Information:
┌──

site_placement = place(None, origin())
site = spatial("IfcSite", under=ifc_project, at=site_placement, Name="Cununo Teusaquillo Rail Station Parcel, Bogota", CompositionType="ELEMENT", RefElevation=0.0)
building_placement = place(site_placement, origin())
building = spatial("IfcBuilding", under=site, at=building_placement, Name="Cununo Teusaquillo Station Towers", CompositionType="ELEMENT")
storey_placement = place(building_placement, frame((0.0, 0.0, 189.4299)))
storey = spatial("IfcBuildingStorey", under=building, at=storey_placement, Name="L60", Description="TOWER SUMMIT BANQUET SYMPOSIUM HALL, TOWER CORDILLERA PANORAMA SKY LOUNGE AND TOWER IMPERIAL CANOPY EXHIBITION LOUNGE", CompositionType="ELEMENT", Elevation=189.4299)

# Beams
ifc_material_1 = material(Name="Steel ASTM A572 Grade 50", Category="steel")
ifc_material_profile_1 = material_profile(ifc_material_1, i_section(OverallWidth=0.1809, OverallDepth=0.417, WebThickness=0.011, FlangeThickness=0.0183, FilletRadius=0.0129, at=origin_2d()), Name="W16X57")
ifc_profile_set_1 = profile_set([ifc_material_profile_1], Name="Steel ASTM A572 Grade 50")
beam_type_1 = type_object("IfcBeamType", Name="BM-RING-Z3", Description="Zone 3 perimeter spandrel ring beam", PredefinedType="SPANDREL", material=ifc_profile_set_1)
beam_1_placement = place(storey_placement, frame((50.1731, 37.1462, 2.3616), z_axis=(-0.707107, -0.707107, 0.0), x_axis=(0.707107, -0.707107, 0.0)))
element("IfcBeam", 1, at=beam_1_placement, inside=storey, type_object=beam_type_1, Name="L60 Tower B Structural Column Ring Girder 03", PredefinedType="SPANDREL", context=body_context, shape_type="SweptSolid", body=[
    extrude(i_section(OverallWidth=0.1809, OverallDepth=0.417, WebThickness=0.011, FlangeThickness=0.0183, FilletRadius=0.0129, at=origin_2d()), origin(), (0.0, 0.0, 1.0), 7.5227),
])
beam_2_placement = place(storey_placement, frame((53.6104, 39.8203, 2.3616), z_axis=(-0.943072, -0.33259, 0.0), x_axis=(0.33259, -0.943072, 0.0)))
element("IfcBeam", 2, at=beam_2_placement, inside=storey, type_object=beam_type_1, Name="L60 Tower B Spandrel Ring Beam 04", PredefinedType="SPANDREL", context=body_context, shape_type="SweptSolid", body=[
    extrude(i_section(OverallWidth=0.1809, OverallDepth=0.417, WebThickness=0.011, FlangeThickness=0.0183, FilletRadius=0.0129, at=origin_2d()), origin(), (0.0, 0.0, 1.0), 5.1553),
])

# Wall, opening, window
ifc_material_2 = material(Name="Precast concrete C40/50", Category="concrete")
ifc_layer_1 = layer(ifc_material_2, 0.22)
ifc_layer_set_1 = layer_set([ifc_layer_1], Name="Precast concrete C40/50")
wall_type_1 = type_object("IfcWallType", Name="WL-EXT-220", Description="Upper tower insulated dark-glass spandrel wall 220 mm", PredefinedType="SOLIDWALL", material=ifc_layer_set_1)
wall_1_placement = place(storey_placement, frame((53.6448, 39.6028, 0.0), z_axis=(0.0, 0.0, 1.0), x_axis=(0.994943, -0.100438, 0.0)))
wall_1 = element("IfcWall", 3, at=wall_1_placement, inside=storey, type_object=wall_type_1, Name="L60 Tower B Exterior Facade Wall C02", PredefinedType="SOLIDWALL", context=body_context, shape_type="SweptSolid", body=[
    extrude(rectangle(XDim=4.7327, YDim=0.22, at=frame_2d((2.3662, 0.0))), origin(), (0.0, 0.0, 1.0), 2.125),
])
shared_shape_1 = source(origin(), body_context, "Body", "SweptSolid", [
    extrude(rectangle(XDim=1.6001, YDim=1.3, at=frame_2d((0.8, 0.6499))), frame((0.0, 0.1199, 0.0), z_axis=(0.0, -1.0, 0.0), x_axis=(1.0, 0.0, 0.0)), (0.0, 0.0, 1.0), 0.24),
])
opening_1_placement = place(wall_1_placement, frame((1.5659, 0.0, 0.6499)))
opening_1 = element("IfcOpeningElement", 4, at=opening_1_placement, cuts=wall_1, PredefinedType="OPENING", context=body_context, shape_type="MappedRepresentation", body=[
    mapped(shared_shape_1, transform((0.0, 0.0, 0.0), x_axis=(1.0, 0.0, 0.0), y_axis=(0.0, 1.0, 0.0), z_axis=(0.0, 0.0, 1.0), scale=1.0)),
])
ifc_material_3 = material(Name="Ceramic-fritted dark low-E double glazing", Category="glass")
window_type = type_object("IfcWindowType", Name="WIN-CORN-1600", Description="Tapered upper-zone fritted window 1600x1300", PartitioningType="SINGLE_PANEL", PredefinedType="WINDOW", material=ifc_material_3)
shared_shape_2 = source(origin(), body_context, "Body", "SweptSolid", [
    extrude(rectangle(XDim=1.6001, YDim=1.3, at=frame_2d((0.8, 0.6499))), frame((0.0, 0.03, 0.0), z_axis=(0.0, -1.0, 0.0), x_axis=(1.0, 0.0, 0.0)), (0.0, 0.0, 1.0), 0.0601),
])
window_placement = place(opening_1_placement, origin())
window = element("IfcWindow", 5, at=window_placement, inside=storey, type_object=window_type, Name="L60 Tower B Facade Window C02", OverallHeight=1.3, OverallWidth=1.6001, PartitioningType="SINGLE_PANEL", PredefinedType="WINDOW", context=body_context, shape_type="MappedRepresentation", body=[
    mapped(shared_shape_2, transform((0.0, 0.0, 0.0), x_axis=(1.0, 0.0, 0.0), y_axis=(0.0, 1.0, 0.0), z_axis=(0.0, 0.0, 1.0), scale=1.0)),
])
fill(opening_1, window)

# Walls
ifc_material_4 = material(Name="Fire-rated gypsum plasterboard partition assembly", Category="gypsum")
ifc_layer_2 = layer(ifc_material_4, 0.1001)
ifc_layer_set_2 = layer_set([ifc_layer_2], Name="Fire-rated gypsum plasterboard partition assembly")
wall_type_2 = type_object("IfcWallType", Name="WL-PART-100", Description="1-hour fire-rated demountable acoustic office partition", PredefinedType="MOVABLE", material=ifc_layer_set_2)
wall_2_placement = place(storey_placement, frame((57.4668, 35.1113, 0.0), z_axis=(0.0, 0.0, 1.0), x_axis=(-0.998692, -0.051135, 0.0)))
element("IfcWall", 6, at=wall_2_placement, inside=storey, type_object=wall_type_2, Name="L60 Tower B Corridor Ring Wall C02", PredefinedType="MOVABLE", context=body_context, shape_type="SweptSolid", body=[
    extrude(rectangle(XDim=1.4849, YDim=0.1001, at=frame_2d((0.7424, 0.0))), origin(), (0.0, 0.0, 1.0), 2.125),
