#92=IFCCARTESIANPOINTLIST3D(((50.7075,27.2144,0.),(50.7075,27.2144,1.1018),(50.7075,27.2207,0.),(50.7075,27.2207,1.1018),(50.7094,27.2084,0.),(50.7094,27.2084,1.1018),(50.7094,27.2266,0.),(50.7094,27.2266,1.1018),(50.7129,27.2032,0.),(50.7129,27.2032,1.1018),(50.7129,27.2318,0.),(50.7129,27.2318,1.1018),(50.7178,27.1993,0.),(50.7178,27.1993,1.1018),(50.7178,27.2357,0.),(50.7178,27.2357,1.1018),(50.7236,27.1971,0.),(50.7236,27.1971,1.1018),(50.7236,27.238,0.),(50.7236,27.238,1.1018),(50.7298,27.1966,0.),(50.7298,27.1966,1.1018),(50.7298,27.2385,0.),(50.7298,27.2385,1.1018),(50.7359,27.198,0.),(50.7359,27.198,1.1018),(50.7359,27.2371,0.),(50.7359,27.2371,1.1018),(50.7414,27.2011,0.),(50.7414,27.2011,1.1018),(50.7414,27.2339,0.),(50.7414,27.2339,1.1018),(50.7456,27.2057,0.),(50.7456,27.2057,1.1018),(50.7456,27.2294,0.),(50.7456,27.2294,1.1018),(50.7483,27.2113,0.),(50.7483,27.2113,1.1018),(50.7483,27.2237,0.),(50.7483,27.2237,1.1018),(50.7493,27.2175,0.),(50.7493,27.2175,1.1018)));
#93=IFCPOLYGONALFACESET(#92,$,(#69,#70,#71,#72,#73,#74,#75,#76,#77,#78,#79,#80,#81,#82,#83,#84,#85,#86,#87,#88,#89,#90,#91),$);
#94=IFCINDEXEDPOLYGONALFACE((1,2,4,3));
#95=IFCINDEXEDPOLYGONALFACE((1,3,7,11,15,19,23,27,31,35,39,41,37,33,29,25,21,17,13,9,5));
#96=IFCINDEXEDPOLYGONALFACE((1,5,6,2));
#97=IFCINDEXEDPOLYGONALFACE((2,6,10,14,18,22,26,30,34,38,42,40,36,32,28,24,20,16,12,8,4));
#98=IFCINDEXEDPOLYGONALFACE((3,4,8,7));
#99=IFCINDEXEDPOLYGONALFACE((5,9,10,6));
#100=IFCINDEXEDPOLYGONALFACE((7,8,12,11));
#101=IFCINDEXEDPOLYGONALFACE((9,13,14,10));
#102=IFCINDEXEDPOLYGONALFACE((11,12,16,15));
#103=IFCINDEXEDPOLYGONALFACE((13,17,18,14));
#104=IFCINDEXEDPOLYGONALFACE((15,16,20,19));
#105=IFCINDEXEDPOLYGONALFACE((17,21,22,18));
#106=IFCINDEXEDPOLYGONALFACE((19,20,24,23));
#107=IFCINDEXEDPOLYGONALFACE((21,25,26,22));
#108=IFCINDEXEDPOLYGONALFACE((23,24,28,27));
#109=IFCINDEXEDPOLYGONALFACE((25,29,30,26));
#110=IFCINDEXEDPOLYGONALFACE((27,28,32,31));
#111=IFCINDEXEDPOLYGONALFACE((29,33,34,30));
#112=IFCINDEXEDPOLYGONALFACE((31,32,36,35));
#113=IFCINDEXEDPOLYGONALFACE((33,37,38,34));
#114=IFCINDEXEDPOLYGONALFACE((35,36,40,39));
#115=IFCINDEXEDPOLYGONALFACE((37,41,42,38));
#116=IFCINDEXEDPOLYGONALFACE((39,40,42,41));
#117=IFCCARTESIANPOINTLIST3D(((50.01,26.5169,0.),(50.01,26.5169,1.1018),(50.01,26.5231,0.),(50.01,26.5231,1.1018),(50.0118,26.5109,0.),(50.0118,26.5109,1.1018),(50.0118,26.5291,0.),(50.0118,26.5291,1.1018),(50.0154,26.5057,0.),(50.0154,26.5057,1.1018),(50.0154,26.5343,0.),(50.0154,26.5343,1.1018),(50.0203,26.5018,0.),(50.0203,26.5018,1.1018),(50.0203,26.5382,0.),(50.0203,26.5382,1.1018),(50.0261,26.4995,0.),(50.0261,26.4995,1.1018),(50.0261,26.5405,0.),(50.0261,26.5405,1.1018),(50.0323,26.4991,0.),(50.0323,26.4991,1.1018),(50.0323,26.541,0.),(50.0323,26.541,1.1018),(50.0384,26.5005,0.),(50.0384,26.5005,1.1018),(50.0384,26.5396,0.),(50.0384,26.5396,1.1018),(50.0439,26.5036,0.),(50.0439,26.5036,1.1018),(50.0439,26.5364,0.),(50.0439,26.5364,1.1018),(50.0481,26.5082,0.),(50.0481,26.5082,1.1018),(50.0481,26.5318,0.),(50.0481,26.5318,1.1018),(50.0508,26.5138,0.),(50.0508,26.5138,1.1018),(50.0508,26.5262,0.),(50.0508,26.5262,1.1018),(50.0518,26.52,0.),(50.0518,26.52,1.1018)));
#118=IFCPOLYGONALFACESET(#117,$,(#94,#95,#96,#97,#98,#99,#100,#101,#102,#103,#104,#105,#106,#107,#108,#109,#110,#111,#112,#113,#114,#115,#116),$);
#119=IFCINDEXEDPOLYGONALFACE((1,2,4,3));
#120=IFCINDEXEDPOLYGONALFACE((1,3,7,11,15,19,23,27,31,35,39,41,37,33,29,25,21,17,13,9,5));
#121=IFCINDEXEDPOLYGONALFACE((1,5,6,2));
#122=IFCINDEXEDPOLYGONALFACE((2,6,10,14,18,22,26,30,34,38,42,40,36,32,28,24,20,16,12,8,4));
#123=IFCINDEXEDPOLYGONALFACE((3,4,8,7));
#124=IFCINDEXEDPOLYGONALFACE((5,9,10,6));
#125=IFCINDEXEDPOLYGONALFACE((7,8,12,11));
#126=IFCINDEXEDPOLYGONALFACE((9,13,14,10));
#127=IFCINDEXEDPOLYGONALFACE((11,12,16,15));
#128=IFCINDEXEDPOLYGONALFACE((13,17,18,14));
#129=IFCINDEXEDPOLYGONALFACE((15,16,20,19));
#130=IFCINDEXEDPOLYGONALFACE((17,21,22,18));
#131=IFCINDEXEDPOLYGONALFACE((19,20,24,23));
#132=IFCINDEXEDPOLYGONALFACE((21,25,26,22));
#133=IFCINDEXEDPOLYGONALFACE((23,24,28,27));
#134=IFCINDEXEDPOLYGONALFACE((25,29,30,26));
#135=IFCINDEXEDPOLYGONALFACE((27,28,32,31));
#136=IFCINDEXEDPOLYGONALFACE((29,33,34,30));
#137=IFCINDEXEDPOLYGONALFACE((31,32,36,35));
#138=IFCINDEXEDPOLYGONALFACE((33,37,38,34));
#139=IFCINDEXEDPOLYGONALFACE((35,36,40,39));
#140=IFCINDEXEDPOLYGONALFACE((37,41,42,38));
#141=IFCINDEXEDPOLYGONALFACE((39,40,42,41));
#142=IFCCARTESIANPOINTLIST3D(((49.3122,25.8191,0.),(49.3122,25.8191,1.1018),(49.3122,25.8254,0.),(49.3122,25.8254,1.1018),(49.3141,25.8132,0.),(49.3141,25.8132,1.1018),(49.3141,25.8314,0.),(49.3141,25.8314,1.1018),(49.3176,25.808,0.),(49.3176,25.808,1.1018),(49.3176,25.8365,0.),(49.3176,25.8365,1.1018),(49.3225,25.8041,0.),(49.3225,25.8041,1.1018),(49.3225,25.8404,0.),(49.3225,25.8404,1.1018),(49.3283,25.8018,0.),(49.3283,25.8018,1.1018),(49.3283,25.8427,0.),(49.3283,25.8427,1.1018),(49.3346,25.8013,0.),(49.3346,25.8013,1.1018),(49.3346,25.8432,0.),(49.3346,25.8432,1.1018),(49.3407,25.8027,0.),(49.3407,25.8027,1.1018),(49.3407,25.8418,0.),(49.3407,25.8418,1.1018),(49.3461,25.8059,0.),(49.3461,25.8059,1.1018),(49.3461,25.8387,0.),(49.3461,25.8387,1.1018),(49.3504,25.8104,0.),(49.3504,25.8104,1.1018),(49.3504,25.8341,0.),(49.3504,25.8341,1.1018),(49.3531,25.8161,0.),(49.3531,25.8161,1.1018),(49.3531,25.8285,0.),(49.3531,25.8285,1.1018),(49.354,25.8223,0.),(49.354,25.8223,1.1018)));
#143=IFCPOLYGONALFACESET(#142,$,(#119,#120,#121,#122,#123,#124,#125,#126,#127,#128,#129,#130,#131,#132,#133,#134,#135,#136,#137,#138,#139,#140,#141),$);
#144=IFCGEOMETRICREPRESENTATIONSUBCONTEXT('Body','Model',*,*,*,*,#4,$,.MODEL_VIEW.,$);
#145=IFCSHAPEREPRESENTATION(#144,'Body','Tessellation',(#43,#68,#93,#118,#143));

└──
┌──

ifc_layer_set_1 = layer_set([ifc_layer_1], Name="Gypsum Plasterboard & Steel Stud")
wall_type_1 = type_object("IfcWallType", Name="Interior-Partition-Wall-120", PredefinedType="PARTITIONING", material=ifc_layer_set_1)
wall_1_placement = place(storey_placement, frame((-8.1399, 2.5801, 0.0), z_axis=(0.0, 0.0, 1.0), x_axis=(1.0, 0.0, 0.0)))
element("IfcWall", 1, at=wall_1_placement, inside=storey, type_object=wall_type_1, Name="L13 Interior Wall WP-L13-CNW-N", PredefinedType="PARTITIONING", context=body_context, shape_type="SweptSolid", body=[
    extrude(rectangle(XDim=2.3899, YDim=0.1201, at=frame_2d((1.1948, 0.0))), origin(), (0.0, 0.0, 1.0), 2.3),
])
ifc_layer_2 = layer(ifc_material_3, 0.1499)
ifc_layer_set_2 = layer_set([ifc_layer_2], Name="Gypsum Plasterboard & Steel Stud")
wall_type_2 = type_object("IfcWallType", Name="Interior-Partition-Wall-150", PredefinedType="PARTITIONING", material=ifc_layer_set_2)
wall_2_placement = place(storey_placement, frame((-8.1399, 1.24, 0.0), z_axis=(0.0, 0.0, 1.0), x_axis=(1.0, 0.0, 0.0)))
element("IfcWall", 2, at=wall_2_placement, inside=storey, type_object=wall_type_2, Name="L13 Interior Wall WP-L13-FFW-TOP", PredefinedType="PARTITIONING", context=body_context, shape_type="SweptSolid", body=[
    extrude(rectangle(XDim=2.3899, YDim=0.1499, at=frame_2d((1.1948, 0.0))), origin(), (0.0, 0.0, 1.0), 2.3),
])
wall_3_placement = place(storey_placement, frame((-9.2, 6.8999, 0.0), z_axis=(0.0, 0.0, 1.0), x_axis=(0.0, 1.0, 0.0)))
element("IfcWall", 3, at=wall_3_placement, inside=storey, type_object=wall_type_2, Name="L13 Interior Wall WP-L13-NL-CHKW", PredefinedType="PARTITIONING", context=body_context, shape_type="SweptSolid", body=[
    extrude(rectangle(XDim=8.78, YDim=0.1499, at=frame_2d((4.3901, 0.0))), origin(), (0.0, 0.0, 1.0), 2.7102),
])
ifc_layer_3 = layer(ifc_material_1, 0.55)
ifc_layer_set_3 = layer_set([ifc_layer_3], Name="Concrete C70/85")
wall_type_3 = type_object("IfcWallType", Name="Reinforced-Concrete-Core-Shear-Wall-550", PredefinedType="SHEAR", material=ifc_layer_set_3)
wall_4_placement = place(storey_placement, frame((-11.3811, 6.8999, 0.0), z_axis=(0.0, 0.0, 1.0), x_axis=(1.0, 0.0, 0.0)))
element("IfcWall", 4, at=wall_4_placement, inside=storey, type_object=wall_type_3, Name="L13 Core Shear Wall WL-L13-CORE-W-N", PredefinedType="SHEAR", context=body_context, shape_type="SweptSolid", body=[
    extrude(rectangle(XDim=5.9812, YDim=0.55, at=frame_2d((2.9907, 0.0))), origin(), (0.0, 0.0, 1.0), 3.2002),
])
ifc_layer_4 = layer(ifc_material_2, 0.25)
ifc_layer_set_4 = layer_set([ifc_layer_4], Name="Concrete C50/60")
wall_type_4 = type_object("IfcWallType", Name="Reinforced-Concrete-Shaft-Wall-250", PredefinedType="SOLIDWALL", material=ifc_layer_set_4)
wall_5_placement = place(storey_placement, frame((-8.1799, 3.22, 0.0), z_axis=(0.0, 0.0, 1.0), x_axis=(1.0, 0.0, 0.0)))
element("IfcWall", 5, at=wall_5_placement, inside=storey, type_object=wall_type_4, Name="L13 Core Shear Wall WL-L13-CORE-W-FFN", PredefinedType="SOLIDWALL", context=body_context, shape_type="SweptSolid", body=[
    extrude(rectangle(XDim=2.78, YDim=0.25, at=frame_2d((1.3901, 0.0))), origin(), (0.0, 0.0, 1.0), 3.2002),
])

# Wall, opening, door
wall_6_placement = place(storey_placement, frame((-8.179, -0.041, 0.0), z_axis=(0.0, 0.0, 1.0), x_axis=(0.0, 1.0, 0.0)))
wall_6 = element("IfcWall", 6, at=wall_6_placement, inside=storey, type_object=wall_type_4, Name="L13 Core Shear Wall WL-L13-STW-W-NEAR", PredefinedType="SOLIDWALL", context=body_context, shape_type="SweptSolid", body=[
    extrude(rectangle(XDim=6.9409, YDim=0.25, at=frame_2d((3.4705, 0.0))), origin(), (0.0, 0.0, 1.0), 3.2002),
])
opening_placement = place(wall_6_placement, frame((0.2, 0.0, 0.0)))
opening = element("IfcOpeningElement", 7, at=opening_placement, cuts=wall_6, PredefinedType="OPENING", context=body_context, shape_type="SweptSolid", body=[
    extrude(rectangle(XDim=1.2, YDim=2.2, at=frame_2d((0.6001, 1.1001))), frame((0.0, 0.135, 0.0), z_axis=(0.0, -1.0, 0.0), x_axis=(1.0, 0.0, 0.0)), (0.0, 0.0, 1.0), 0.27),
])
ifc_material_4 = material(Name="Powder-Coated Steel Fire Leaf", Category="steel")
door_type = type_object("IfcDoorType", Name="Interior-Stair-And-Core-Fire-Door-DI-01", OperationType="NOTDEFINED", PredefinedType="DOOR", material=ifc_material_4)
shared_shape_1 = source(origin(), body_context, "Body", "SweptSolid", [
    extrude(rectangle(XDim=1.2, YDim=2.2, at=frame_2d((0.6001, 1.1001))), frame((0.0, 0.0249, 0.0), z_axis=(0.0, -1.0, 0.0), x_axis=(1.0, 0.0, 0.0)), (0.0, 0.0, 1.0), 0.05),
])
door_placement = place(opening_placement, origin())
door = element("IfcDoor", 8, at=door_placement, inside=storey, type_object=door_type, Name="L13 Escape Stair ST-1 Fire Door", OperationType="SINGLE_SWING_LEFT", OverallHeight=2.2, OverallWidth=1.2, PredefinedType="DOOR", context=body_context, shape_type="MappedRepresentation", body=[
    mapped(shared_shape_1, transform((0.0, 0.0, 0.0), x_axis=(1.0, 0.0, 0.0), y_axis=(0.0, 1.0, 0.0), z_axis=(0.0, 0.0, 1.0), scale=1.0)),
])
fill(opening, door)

└──

Some lines in the data above hold the string "Teusaquillo". Find and copy each of them.

site = spatial("IfcSite", under=ifc_project, at=site_placement, Name="Cununo Teusaquillo Rail Station Parcel, Bogota", CompositionType="ELEMENT", RefElevation=0.0)
building = spatial("IfcBuilding", under=site, at=building_placement, Name="Cununo Teusaquillo Station Towers", CompositionType="ELEMENT")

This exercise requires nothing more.